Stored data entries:
######
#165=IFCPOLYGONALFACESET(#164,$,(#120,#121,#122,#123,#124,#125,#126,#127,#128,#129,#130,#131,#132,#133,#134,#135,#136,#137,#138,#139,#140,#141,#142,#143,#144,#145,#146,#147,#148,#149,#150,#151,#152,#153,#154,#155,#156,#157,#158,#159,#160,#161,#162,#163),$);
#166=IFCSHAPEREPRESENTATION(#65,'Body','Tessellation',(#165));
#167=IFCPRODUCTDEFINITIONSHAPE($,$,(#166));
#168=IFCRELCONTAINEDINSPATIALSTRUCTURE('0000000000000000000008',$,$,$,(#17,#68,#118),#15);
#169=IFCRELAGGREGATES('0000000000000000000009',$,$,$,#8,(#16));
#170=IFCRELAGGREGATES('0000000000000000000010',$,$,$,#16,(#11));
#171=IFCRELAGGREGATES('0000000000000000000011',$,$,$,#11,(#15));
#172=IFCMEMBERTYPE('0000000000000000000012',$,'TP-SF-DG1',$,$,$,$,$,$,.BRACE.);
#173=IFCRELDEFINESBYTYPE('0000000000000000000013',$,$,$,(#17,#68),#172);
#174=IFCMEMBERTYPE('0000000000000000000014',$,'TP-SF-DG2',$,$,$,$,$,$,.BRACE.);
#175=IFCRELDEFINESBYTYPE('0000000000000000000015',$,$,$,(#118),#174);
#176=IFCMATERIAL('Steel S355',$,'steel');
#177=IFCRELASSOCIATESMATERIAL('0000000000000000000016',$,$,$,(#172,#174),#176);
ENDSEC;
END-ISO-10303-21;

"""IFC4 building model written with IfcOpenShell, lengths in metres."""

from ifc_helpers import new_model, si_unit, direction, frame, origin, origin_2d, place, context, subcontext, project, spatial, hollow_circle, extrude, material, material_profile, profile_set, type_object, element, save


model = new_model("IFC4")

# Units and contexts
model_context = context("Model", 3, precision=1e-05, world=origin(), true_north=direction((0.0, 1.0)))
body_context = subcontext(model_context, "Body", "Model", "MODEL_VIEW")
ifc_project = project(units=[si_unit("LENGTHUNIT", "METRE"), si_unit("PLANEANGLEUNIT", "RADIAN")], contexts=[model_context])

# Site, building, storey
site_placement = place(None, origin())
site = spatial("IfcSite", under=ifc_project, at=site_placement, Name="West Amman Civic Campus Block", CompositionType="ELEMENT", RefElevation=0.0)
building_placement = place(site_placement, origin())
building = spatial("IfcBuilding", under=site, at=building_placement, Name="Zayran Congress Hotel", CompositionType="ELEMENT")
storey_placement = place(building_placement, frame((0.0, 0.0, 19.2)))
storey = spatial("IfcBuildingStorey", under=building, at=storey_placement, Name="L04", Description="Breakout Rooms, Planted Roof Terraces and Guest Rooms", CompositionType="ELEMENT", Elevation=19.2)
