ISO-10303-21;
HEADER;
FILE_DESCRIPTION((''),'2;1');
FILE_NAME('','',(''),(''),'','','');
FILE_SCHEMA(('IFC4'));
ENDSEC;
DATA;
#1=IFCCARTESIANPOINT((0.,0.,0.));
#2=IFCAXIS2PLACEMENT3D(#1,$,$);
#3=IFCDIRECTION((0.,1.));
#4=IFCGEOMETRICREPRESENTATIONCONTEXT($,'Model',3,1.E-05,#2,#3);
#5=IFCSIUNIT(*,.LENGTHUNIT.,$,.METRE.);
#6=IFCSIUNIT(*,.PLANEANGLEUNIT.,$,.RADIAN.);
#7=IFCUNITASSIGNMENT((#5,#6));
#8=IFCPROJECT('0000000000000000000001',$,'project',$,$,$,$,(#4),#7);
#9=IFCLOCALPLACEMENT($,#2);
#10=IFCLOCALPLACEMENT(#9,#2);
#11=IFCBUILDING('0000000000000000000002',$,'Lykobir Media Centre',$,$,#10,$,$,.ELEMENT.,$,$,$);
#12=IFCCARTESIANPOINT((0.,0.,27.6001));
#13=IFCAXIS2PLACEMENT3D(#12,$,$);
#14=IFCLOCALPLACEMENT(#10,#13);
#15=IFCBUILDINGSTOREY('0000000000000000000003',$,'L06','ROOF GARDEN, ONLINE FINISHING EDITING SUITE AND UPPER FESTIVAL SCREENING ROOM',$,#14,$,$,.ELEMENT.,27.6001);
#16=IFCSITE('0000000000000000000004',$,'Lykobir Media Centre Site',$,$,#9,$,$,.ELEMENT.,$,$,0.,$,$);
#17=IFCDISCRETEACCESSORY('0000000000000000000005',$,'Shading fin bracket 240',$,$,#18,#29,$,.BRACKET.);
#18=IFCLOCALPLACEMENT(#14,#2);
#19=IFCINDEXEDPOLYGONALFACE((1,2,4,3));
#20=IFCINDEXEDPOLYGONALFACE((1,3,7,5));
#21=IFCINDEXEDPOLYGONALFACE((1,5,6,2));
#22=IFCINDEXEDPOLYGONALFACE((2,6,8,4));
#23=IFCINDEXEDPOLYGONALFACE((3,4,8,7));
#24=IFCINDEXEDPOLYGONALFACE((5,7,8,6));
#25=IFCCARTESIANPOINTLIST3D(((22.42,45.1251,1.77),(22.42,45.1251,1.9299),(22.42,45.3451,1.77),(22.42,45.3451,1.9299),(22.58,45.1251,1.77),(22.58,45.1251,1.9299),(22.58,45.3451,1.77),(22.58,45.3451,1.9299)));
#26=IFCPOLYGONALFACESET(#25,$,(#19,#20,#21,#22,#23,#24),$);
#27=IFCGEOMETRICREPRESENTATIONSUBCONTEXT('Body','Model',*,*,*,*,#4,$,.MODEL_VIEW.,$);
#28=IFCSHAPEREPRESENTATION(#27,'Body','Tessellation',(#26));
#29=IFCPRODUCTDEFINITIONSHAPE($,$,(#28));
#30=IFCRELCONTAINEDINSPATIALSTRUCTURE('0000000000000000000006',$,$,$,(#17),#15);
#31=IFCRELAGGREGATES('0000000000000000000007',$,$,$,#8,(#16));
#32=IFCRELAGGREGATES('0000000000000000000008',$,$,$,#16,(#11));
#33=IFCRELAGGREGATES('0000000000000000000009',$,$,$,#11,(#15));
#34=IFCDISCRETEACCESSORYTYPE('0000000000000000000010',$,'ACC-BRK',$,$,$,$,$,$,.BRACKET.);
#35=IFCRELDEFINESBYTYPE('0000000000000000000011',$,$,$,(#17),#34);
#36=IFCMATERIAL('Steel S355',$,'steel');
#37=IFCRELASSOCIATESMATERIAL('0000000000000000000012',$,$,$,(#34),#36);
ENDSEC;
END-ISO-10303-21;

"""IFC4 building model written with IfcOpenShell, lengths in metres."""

from ifc_helpers import new_model, si_unit, direction, frame, origin, origin_2d, place, context, subcontext, project, spatial, rectangle, extrude, material, type_object, element, save


model = new_model("IFC4")

# Units and contexts
model_context = context("Model", 3, precision=1e-05, world=origin(), true_north=direction((0.0, 1.0)))
body_context = subcontext(model_context, "Body", "Model", "MODEL_VIEW")
ifc_project = project(units=[si_unit("LENGTHUNIT", "METRE"), si_unit("PLANEANGLEUNIT", "RADIAN")], contexts=[model_context])

# Site, building, storey
site_placement = place(None, origin())
site = spatial("IfcSite", under=ifc_project, at=site_placement, Name="Lykobir Media Centre Site", CompositionType="ELEMENT", RefElevation=0.0)
building_placement = place(site_placement, origin())
building = spatial("IfcBuilding", under=site, at=building_placement, Name="Lykobir Media Centre", CompositionType="ELEMENT")
storey_placement = place(building_placement, frame((0.0, 0.0, 27.6001)))
storey = spatial("IfcBuildingStorey", under=building, at=storey_placement, Name="L06", Description="ROOF GARDEN, ONLINE FINISHING EDITING SUITE AND UPPER FESTIVAL SCREENING ROOM", CompositionType="ELEMENT", Elevation=27.6001)

# Shared definitions
ifc_material_1 = material(Name="Steel S355", Category="steel")

# Discrete accessory
discrete_accessory_type = type_object("IfcDiscreteAccessoryType", Name="ACC-BRK", PredefinedType="BRACKET", material=ifc_material_1)
for number, where, z_axis, x_axis, name in (
    (1, (22.5, 45.2351, 1.77), (0.0, 0.0, 1.0), (-1.0, 0.0, 0.0), "Shading fin bracket 240"),
):
    element("IfcDiscreteAccessory", number, at=place(storey_placement, frame(where, z_axis=z_axis, x_axis=x_axis)), inside=storey, type_object=discrete_accessory_type, Name=name, PredefinedType="BRACKET", context=body_context, shape_type="SweptSolid", body=[
        extrude(rectangle(XDim=0.1599, YDim=0.22, at=origin_2d()), origin(), (0.0, 0.0, 1.0), 0.1599),
    ])

save(model, "model.ifc")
######
** Task to carry out **
Give again exactly, and only, the lines above starting at the one with "#9=IFCLOCALPLACEMENT($,#2);" and ending at the one with "#14=IFCLOCALPLACEMENT(#10,#13);".

** Completed task **
#9=IFCLOCALPLACEMENT($,#2);
#10=IFCLOCALPLACEMENT(#9,#2);
#11=IFCBUILDING('0000000000000000000002',$,'Lykobir Media Centre',$,$,#10,$,$,.ELEMENT.,$,$,$);
#12=IFCCARTESIANPOINT((0.,0.,27.6001));
#13=IFCAXIS2PLACEMENT3D(#12,$,$);
#14=IFCLOCALPLACEMENT(#10,#13);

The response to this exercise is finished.